The data: Begin

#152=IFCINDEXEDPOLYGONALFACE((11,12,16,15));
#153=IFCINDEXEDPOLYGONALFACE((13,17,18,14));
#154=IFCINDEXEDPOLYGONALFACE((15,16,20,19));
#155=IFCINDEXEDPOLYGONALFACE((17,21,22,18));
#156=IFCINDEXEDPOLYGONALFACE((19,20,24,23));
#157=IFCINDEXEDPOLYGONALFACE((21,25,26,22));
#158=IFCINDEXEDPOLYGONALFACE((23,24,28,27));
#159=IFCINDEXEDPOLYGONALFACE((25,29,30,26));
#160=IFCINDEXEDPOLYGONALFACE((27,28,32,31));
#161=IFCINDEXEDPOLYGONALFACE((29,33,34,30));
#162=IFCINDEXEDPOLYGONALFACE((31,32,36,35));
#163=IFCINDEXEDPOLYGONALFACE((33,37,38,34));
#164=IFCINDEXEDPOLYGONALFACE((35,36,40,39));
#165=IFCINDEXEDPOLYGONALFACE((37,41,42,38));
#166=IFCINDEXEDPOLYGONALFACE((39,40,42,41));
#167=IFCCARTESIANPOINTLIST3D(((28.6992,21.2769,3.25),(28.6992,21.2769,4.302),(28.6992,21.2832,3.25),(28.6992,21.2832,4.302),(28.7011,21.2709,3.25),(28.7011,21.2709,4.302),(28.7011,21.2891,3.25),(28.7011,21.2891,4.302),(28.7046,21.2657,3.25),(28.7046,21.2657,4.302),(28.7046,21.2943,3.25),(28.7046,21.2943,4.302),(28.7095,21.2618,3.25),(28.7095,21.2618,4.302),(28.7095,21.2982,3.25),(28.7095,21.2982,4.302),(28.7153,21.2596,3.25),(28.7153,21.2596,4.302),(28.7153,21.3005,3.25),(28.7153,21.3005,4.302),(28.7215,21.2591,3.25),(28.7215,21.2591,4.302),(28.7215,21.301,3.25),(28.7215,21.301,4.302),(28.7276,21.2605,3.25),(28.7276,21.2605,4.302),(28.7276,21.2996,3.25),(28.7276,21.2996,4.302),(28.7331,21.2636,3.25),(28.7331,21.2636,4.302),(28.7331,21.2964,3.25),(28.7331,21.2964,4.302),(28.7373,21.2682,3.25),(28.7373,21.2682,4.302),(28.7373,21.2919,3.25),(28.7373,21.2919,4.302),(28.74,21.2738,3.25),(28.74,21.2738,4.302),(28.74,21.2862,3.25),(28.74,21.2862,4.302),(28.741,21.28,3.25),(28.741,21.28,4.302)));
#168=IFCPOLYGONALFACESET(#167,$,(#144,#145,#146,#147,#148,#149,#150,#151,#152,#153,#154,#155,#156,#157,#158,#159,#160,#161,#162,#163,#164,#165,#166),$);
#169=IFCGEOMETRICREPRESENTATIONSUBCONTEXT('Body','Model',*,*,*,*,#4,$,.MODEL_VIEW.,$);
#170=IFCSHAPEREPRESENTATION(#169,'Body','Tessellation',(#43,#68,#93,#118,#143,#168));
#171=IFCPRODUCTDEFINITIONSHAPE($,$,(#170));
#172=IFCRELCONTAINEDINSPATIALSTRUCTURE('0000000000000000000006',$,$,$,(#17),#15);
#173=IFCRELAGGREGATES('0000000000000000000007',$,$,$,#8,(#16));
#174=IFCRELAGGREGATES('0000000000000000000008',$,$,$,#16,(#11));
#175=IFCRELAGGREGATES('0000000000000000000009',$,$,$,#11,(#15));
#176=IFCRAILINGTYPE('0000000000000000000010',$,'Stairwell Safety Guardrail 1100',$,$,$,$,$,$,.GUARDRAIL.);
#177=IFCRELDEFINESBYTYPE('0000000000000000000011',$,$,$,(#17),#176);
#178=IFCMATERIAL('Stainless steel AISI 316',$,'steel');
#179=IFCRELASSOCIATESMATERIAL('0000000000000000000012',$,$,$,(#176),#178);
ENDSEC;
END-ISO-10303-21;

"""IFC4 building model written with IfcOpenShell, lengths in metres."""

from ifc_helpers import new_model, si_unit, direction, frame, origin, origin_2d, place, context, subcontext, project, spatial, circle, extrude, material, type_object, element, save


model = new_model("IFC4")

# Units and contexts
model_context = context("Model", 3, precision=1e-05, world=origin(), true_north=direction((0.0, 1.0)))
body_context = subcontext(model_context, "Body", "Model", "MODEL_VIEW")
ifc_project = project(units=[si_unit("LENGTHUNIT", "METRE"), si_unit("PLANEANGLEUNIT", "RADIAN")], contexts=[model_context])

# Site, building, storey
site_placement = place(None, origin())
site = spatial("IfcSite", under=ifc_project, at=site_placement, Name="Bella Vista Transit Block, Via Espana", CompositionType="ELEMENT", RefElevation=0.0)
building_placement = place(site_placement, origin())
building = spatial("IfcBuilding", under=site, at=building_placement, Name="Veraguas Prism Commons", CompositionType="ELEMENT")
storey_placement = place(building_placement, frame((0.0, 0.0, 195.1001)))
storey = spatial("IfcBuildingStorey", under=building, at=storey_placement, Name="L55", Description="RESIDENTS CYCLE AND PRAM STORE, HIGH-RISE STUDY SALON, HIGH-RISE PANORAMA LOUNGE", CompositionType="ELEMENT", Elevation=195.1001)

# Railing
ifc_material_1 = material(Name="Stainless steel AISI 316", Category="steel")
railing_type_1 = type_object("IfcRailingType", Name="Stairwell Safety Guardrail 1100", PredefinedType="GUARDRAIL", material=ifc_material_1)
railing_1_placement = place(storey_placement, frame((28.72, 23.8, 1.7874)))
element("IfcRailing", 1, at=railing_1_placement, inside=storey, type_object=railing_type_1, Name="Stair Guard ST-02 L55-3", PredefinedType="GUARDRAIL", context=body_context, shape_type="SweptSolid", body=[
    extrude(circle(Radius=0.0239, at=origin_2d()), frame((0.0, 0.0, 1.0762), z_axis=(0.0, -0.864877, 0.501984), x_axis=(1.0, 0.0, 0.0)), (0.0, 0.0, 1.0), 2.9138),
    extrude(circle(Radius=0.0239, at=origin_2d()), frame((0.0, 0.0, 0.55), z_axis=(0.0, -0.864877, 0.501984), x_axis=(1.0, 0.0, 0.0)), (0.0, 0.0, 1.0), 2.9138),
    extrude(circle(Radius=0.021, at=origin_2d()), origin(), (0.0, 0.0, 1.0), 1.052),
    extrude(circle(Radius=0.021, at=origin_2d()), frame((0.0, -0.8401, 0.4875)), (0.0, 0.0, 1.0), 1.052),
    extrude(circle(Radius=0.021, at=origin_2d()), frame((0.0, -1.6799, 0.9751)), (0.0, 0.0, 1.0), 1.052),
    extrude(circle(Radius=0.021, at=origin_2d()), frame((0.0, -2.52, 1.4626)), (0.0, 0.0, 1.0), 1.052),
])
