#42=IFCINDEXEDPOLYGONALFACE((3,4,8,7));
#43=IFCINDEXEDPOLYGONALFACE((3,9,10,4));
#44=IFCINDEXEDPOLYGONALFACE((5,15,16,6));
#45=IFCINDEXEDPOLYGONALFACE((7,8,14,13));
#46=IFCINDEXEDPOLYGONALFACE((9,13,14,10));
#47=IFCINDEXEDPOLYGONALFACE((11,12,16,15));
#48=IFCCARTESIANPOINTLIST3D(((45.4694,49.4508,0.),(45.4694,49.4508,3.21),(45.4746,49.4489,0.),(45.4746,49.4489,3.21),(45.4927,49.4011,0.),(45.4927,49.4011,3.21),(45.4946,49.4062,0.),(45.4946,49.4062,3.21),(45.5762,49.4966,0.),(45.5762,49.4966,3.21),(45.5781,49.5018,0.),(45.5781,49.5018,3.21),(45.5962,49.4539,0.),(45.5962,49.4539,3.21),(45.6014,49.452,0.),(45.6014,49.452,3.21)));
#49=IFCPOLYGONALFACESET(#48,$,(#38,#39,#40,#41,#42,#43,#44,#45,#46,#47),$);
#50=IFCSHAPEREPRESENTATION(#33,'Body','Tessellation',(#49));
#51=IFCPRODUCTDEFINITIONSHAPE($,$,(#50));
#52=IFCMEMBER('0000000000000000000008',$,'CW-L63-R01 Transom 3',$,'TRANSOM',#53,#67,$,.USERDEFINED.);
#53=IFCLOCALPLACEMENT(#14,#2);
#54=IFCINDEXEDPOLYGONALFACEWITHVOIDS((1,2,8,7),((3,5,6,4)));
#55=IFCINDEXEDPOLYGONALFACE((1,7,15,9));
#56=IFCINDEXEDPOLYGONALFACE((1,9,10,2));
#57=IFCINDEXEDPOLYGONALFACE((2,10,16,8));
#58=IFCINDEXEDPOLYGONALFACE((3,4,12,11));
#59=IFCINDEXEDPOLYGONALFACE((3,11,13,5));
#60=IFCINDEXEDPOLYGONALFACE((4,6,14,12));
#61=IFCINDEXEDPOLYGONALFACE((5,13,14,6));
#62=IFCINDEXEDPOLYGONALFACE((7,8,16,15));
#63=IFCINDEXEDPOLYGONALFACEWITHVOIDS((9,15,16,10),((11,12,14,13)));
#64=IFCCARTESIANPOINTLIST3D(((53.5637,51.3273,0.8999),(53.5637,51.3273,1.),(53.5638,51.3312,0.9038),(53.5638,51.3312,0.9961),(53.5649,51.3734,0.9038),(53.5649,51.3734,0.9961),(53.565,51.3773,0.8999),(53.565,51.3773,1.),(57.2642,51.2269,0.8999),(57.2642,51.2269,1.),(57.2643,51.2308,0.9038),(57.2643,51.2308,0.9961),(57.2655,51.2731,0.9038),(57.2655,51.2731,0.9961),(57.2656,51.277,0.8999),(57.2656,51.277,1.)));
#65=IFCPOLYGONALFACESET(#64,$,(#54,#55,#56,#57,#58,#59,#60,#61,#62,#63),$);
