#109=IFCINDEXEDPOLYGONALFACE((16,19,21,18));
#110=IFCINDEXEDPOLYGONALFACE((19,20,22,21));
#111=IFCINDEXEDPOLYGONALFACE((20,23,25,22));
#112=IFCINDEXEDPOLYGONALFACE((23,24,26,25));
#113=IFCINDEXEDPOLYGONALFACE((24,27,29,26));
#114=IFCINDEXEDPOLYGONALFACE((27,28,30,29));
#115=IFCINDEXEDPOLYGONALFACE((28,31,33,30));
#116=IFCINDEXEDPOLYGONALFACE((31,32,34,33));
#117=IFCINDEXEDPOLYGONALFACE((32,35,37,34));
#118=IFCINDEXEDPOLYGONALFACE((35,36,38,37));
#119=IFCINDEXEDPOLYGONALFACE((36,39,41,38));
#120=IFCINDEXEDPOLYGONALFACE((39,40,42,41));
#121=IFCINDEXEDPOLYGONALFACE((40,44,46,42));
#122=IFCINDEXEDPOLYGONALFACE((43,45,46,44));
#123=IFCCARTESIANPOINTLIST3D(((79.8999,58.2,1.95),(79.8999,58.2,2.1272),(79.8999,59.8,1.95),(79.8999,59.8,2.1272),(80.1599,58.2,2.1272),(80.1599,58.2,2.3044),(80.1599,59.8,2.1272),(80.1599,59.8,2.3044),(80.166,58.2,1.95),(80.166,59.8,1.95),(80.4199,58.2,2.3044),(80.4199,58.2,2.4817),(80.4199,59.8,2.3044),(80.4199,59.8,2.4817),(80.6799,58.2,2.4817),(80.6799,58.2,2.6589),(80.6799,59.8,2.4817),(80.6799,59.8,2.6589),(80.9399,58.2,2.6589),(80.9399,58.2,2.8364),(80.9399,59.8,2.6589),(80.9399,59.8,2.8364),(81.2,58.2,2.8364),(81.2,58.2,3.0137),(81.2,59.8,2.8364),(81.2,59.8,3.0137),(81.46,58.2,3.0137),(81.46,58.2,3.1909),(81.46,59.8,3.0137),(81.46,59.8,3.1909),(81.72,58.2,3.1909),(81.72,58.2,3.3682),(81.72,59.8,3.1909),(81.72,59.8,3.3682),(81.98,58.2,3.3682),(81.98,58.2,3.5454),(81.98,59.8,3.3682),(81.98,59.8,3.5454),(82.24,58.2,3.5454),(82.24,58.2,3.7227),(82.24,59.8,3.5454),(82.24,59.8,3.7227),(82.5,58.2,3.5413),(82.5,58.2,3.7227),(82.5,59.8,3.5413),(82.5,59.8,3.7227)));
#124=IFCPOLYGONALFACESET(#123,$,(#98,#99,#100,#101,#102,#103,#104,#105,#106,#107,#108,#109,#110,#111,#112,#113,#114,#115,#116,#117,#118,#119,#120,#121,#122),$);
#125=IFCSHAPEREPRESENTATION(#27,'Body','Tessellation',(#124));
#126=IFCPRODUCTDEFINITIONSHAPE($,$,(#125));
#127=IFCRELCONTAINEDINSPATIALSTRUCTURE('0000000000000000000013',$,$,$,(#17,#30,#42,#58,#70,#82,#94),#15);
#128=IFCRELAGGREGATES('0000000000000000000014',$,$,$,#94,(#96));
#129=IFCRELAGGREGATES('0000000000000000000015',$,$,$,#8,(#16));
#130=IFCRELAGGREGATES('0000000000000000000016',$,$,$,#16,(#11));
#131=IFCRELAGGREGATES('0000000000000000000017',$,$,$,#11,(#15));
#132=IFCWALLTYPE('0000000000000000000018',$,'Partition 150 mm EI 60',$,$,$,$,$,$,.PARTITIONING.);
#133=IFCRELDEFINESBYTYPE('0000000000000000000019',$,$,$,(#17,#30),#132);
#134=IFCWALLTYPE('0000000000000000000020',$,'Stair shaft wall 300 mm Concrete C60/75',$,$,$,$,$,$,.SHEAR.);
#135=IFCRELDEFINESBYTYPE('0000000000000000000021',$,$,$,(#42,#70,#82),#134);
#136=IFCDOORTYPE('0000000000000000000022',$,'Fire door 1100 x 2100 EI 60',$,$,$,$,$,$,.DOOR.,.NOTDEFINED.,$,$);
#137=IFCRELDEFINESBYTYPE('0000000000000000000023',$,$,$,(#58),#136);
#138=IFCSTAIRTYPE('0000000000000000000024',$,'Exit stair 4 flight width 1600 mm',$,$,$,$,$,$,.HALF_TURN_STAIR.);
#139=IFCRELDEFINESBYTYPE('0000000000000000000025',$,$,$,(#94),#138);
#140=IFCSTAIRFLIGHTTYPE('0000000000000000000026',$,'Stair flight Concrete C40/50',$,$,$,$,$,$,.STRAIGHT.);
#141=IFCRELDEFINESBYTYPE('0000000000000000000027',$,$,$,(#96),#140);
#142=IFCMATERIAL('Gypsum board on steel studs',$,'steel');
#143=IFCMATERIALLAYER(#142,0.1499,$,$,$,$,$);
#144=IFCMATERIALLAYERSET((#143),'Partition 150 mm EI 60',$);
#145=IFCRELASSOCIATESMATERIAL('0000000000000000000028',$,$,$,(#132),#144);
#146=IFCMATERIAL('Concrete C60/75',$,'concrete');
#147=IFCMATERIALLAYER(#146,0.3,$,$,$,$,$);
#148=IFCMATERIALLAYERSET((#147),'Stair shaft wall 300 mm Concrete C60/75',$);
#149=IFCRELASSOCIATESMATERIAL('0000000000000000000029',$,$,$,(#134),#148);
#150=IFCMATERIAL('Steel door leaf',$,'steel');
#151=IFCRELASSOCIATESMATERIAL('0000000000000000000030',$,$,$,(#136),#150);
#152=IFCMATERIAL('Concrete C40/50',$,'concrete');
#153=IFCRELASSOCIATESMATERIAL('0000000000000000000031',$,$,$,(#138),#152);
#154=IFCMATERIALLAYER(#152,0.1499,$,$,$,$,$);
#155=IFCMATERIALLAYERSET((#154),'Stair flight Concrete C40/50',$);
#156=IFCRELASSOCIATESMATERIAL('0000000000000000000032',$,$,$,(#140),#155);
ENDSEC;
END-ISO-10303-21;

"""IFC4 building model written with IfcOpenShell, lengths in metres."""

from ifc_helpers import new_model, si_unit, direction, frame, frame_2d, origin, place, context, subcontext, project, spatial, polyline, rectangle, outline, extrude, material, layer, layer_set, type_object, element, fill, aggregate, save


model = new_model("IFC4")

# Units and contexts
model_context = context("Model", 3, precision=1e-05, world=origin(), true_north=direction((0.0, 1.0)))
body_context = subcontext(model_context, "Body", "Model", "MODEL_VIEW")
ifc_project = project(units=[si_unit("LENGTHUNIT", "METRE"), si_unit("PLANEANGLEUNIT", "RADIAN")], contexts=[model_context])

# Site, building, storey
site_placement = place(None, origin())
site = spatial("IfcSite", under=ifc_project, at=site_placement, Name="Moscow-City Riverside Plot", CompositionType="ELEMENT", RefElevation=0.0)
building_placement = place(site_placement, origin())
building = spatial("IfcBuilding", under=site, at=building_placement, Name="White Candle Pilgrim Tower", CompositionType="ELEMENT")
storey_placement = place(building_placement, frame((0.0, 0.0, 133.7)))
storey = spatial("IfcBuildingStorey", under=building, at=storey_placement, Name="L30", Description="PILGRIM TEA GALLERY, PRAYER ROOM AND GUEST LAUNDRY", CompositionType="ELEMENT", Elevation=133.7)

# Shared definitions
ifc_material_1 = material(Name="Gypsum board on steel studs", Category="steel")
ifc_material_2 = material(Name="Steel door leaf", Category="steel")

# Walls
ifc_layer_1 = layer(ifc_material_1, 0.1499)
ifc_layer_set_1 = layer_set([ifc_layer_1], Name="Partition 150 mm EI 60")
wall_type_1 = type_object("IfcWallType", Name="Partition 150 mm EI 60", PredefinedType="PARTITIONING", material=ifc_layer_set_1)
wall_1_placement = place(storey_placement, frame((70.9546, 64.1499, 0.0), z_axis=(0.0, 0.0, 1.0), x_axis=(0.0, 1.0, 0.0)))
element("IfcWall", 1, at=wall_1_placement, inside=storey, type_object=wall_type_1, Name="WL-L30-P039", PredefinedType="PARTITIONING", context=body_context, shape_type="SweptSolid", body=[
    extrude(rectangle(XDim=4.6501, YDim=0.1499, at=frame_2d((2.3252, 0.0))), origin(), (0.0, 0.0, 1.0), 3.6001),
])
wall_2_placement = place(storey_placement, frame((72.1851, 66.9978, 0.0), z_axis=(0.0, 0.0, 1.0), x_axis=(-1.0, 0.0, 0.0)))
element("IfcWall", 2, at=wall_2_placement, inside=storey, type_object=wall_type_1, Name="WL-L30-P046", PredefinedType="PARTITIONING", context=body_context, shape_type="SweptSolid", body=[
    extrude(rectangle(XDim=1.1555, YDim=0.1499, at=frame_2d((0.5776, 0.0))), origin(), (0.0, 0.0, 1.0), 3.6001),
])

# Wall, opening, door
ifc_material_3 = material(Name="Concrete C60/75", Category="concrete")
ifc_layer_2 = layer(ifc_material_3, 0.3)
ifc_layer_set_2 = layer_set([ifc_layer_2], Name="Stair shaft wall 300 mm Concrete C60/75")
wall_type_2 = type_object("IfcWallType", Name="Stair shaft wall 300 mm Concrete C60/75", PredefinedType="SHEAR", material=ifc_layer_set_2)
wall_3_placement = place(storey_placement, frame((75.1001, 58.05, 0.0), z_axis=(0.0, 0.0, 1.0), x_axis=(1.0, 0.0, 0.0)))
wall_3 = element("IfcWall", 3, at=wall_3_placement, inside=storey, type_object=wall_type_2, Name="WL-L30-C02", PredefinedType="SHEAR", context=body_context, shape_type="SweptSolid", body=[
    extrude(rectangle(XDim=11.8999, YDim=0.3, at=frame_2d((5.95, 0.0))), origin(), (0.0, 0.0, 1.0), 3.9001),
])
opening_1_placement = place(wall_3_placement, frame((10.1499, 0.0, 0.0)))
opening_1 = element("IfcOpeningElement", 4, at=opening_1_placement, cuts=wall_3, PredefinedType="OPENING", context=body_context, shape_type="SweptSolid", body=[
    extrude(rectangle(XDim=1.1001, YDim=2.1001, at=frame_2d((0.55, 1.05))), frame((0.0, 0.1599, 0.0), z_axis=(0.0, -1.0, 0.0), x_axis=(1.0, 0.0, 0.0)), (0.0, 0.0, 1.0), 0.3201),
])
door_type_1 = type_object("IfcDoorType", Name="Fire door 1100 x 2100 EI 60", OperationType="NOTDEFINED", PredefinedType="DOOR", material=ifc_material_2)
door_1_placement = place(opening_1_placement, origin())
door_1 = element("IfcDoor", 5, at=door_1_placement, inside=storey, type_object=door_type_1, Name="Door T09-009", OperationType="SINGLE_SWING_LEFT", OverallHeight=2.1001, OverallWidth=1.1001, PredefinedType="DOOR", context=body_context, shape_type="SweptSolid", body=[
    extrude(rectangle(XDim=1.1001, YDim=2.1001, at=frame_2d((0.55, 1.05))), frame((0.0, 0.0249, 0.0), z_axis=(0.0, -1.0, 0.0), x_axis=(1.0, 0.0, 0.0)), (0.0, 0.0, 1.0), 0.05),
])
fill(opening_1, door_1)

The data: End

• **Work instructions**
Transcribe only, please, the lines from the first line of the records through the line with "#166=IFCINDEXEDPOLYGONALFACE((39,40,42,41));". Both of those lines are included.

• **Solution below**
#152=IFCINDEXEDPOLYGONALFACE((11,12,16,15));
#153=IFCINDEXEDPOLYGONALFACE((13,17,18,14));
#154=IFCINDEXEDPOLYGONALFACE((15,16,20,19));
#155=IFCINDEXEDPOLYGONALFACE((17,21,22,18));
#156=IFCINDEXEDPOLYGONALFACE((19,20,24,23));
#157=IFCINDEXEDPOLYGONALFACE((21,25,26,22));
#158=IFCINDEXEDPOLYGONALFACE((23,24,28,27));
#159=IFCINDEXEDPOLYGONALFACE((25,29,30,26));
#160=IFCINDEXEDPOLYGONALFACE((27,28,32,31));
#161=IFCINDEXEDPOLYGONALFACE((29,33,34,30));
#162=IFCINDEXEDPOLYGONALFACE((31,32,36,35));
#163=IFCINDEXEDPOLYGONALFACE((33,37,38,34));
#164=IFCINDEXEDPOLYGONALFACE((35,36,40,39));
#165=IFCINDEXEDPOLYGONALFACE((37,41,42,38));
#166=IFCINDEXEDPOLYGONALFACE((39,40,42,41));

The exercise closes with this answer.